* [DATA FOR THIS TASK]:
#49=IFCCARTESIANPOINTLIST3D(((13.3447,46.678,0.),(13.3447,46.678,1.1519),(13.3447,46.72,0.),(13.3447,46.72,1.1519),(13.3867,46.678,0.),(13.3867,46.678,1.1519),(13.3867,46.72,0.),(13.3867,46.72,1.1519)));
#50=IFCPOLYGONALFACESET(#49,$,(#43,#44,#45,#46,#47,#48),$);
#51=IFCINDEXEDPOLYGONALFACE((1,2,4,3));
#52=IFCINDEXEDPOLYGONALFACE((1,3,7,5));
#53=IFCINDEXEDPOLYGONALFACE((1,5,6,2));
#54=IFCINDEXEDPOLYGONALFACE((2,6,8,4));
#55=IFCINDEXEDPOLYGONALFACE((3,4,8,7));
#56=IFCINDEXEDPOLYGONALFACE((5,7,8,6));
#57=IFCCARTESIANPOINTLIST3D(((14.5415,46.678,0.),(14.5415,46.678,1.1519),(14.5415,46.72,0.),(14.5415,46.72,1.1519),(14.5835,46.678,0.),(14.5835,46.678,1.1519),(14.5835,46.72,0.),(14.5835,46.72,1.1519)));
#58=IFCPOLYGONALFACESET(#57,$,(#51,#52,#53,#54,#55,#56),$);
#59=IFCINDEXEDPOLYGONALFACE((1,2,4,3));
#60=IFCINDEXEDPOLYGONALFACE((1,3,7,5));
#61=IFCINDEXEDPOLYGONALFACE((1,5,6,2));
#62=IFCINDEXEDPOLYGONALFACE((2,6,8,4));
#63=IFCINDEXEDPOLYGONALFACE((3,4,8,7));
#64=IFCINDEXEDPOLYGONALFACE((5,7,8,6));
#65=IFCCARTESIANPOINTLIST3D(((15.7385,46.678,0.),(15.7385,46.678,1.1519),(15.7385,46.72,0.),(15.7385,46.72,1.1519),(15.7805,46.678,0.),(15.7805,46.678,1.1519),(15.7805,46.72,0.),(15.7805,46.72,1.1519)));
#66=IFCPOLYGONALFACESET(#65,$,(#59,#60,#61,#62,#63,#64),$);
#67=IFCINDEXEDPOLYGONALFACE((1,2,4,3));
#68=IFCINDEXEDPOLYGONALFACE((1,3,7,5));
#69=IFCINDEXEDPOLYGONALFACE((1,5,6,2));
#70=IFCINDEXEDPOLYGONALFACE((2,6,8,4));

* [ACTION ITEM]: Go through the entries and copy each line holding the string "IFCPOLYGONALFACESET".

* [RESPONSE TO THE TASK]:
#50=IFCPOLYGONALFACESET(#49,$,(#43,#44,#45,#46,#47,#48),$);
#58=IFCPOLYGONALFACESET(#57,$,(#51,#52,#53,#54,#55,#56),$);
#66=IFCPOLYGONALFACESET(#65,$,(#59,#60,#61,#62,#63,#64),$);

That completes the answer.